*** Block opens ***

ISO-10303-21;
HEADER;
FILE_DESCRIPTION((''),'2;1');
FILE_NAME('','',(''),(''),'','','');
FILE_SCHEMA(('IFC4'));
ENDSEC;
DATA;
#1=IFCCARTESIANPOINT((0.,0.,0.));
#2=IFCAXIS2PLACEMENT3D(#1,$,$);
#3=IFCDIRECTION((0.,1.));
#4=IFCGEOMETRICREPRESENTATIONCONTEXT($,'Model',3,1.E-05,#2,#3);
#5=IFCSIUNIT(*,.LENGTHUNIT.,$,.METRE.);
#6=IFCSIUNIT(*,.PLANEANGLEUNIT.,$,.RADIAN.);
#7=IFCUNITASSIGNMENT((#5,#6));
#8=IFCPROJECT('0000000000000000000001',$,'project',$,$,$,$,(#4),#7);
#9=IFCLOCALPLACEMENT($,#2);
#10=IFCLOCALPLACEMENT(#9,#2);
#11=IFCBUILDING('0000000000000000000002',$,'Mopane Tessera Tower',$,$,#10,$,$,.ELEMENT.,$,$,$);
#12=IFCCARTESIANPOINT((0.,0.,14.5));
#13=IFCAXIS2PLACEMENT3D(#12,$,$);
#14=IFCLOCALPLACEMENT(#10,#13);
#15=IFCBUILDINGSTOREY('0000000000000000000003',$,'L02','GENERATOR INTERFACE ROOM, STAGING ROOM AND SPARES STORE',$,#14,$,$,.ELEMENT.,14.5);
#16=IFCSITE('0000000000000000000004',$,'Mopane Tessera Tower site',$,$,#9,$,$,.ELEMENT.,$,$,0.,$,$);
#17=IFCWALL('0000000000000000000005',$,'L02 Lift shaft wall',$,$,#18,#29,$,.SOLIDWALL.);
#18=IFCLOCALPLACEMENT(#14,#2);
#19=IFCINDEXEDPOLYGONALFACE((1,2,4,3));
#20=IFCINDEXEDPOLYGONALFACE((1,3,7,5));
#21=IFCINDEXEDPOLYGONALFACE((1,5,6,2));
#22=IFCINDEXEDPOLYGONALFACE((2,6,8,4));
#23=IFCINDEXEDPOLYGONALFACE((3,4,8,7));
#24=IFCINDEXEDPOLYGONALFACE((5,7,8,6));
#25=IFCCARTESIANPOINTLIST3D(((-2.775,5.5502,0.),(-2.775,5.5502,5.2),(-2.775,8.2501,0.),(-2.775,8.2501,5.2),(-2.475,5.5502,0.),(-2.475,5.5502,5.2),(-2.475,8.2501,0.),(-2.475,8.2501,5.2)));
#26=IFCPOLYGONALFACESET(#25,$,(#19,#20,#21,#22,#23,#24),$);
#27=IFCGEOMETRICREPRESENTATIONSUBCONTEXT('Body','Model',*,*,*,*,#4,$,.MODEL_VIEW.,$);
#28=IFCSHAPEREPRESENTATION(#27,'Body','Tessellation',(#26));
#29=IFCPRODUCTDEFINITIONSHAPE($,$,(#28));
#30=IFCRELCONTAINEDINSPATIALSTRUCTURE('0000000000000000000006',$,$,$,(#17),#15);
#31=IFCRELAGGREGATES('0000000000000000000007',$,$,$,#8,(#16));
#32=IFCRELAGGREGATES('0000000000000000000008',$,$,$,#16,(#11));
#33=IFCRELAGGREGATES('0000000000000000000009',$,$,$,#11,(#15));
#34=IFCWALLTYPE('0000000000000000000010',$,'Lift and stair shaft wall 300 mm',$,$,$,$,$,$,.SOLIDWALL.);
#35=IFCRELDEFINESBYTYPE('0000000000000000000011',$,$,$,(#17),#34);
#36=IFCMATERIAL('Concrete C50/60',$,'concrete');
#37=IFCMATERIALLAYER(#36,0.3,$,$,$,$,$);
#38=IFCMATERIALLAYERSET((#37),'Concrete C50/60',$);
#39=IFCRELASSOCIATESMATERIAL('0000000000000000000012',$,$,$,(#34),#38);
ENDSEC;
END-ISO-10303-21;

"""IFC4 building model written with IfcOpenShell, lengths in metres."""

from ifc_helpers import new_model, si_unit, direction, frame, frame_2d, origin, place, context, subcontext, project, spatial, rectangle, extrude, material, layer, layer_set, type_object, element, save


model = new_model("IFC4")

# Units and contexts
model_context = context("Model", 3, precision=1e-05, world=origin(), true_north=direction((0.0, 1.0)))
body_context = subcontext(model_context, "Body", "Model", "MODEL_VIEW")
ifc_project = project(units=[si_unit("LENGTHUNIT", "METRE"), si_unit("PLANEANGLEUNIT", "RADIAN")], contexts=[model_context])

# Site, building, storey
site_placement = place(None, origin())
site = spatial("IfcSite", under=ifc_project, at=site_placement, Name="Mopane Tessera Tower site", CompositionType="ELEMENT", RefElevation=0.0)
building_placement = place(site_placement, origin())
building = spatial("IfcBuilding", under=site, at=building_placement, Name="Mopane Tessera Tower", CompositionType="ELEMENT")
storey_placement = place(building_placement, frame((0.0, 0.0, 14.5)))
storey = spatial("IfcBuildingStorey", under=building, at=storey_placement, Name="L02", Description="GENERATOR INTERFACE ROOM, STAGING ROOM AND SPARES STORE", CompositionType="ELEMENT", Elevation=14.5)

# Wall
ifc_material_1 = material(Name="Concrete C50/60", Category="concrete")
ifc_layer_1 = layer(ifc_material_1, 0.3)
ifc_layer_set_1 = layer_set([ifc_layer_1], Name="Concrete C50/60")
wall_type = type_object("IfcWallType", Name="Lift and stair shaft wall 300 mm", PredefinedType="SOLIDWALL", material=ifc_layer_set_1)
wall_placement = place(storey_placement, frame((-2.625, 5.55, 0.0), z_axis=(0.0, 0.0, 1.0), x_axis=(0.0, 1.0, 0.0)))
element("IfcWall", 1, at=wall_placement, inside=storey, type_object=wall_type, Name="L02 Lift shaft wall", PredefinedType="SOLIDWALL", context=body_context, shape_type="SweptSolid", body=[
    extrude(rectangle(XDim=2.7, YDim=0.3, at=frame_2d((1.3501, 0.0))), origin(), (0.0, 0.0, 1.0), 5.2),
])

save(model, "model.ifc")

*** Block closes ***

EXERCISE GOAL: Return only the exact lines from the opening of the records through the line that contains "#20=IFCINDEXEDPOLYGONALFACE((1,3,7,5));", both included.

YOUR SOLUTION:
ISO-10303-21;
HEADER;
FILE_DESCRIPTION((''),'2;1');
FILE_NAME('','',(''),(''),'','','');
FILE_SCHEMA(('IFC4'));
ENDSEC;
DATA;
#1=IFCCARTESIANPOINT((0.,0.,0.));
#2=IFCAXIS2PLACEMENT3D(#1,$,$);
#3=IFCDIRECTION((0.,1.));
#4=IFCGEOMETRICREPRESENTATIONCONTEXT($,'Model',3,1.E-05,#2,#3);
#5=IFCSIUNIT(*,.LENGTHUNIT.,$,.METRE.);
#6=IFCSIUNIT(*,.PLANEANGLEUNIT.,$,.RADIAN.);
#7=IFCUNITASSIGNMENT((#5,#6));
#8=IFCPROJECT('0000000000000000000001',$,'project',$,$,$,$,(#4),#7);
#9=IFCLOCALPLACEMENT($,#2);
#10=IFCLOCALPLACEMENT(#9,#2);
#11=IFCBUILDING('0000000000000000000002',$,'Mopane Tessera Tower',$,$,#10,$,$,.ELEMENT.,$,$,$);
#12=IFCCARTESIANPOINT((0.,0.,14.5));
#13=IFCAXIS2PLACEMENT3D(#12,$,$);
#14=IFCLOCALPLACEMENT(#10,#13);
#15=IFCBUILDINGSTOREY('0000000000000000000003',$,'L02','GENERATOR INTERFACE ROOM, STAGING ROOM AND SPARES STORE',$,#14,$,$,.ELEMENT.,14.5);
#16=IFCSITE('0000000000000000000004',$,'Mopane Tessera Tower site',$,$,#9,$,$,.ELEMENT.,$,$,0.,$,$);
#17=IFCWALL('0000000000000000000005',$,'L02 Lift shaft wall',$,$,#18,#29,$,.SOLIDWALL.);
#18=IFCLOCALPLACEMENT(#14,#2);
#19=IFCINDEXEDPOLYGONALFACE((1,2,4,3));
#20=IFCINDEXEDPOLYGONALFACE((1,3,7,5));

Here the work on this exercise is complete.